▶ **Data section**:
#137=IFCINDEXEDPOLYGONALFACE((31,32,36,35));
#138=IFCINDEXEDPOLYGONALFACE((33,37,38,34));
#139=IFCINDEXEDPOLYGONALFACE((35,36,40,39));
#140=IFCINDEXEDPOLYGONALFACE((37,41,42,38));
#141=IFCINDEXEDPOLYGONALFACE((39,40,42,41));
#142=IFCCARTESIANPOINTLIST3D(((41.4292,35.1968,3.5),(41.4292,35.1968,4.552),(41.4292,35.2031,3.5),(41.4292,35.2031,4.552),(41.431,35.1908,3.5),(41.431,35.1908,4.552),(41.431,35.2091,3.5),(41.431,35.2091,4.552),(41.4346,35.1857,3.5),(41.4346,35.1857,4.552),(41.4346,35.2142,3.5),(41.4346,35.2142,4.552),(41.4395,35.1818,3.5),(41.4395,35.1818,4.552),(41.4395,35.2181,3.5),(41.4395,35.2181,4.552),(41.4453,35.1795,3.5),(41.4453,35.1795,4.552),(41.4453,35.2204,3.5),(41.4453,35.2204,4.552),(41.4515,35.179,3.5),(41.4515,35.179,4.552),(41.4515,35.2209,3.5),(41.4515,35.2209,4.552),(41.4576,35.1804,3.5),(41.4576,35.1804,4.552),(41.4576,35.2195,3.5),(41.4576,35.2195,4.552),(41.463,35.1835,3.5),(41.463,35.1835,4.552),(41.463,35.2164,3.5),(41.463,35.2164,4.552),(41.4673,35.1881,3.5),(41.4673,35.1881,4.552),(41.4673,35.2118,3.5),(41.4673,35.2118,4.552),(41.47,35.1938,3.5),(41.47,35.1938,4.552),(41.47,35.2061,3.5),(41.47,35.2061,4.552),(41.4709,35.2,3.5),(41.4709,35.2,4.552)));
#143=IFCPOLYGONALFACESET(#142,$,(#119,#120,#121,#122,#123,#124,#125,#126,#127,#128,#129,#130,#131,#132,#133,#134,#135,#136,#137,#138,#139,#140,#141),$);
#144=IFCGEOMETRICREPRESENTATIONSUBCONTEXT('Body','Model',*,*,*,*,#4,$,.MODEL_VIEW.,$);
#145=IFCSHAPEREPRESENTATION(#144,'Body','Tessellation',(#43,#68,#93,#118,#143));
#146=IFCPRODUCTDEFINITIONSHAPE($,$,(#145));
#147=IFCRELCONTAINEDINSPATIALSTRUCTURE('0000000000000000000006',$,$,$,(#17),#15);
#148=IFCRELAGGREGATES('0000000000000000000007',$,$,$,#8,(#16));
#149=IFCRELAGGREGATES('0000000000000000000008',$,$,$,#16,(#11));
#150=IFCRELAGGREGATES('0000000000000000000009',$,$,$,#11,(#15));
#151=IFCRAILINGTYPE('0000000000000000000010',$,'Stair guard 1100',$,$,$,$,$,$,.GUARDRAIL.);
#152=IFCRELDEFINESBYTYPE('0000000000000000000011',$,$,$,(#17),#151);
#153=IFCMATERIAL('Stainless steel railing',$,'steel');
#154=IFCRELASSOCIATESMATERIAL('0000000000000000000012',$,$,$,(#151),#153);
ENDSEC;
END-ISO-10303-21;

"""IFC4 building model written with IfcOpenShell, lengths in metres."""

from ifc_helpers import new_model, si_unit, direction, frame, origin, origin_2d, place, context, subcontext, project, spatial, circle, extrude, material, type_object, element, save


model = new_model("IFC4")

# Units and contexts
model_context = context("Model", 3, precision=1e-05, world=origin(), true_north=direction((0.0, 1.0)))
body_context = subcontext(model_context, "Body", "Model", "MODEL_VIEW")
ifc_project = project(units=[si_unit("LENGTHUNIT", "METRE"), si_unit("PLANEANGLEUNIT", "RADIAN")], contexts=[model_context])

▶ **Directions**: Using the records above as the source, restate each line verbatim.

▶ **Result for this exercise**:
#137=IFCINDEXEDPOLYGONALFACE((31,32,36,35));
#138=IFCINDEXEDPOLYGONALFACE((33,37,38,34));
#139=IFCINDEXEDPOLYGONALFACE((35,36,40,39));
#140=IFCINDEXEDPOLYGONALFACE((37,41,42,38));
#141=IFCINDEXEDPOLYGONALFACE((39,40,42,41));
#142=IFCCARTESIANPOINTLIST3D(((41.4292,35.1968,3.5),(41.4292,35.1968,4.552),(41.4292,35.2031,3.5),(41.4292,35.2031,4.552),(41.431,35.1908,3.5),(41.431,35.1908,4.552),(41.431,35.2091,3.5),(41.431,35.2091,4.552),(41.4346,35.1857,3.5),(41.4346,35.1857,4.552),(41.4346,35.2142,3.5),(41.4346,35.2142,4.552),(41.4395,35.1818,3.5),(41.4395,35.1818,4.552),(41.4395,35.2181,3.5),(41.4395,35.2181,4.552),(41.4453,35.1795,3.5),(41.4453,35.1795,4.552),(41.4453,35.2204,3.5),(41.4453,35.2204,4.552),(41.4515,35.179,3.5),(41.4515,35.179,4.552),(41.4515,35.2209,3.5),(41.4515,35.2209,4.552),(41.4576,35.1804,3.5),(41.4576,35.1804,4.552),(41.4576,35.2195,3.5),(41.4576,35.2195,4.552),(41.463,35.1835,3.5),(41.463,35.1835,4.552),(41.463,35.2164,3.5),(41.463,35.2164,4.552),(41.4673,35.1881,3.5),(41.4673,35.1881,4.552),(41.4673,35.2118,3.5),(41.4673,35.2118,4.552),(41.47,35.1938,3.5),(41.47,35.1938,4.552),(41.47,35.2061,3.5),(41.47,35.2061,4.552),(41.4709,35.2,3.5),(41.4709,35.2,4.552)));
#143=IFCPOLYGONALFACESET(#142,$,(#119,#120,#121,#122,#123,#124,#125,#126,#127,#128,#129,#130,#131,#132,#133,#134,#135,#136,#137,#138,#139,#140,#141),$);
#144=IFCGEOMETRICREPRESENTATIONSUBCONTEXT('Body','Model',*,*,*,*,#4,$,.MODEL_VIEW.,$);
#145=IFCSHAPEREPRESENTATION(#144,'Body','Tessellation',(#43,#68,#93,#118,#143));
#146=IFCPRODUCTDEFINITIONSHAPE($,$,(#145));
#147=IFCRELCONTAINEDINSPATIALSTRUCTURE('0000000000000000000006',$,$,$,(#17),#15);
#148=IFCRELAGGREGATES('0000000000000000000007',$,$,$,#8,(#16));
#149=IFCRELAGGREGATES('0000000000000000000008',$,$,$,#16,(#11));
#150=IFCRELAGGREGATES('0000000000000000000009',$,$,$,#11,(#15));
#151=IFCRAILINGTYPE('0000000000000000000010',$,'Stair guard 1100',$,$,$,$,$,$,.GUARDRAIL.);
#152=IFCRELDEFINESBYTYPE('0000000000000000000011',$,$,$,(#17),#151);
#153=IFCMATERIAL('Stainless steel railing',$,'steel');
#154=IFCRELASSOCIATESMATERIAL('0000000000000000000012',$,$,$,(#151),#153);
ENDSEC;
END-ISO-10303-21;

"""IFC4 building model written with IfcOpenShell, lengths in metres."""

from ifc_helpers import new_model, si_unit, direction, frame, origin, origin_2d, place, context, subcontext, project, spatial, circle, extrude, material, type_object, element, save


model = new_model("IFC4")

# Units and contexts
model_context = context("Model", 3, precision=1e-05, world=origin(), true_north=direction((0.0, 1.0)))
body_context = subcontext(model_context, "Body", "Model", "MODEL_VIEW")
ifc_project = project(units=[si_unit("LENGTHUNIT", "METRE"), si_unit("PLANEANGLEUNIT", "RADIAN")], contexts=[model_context])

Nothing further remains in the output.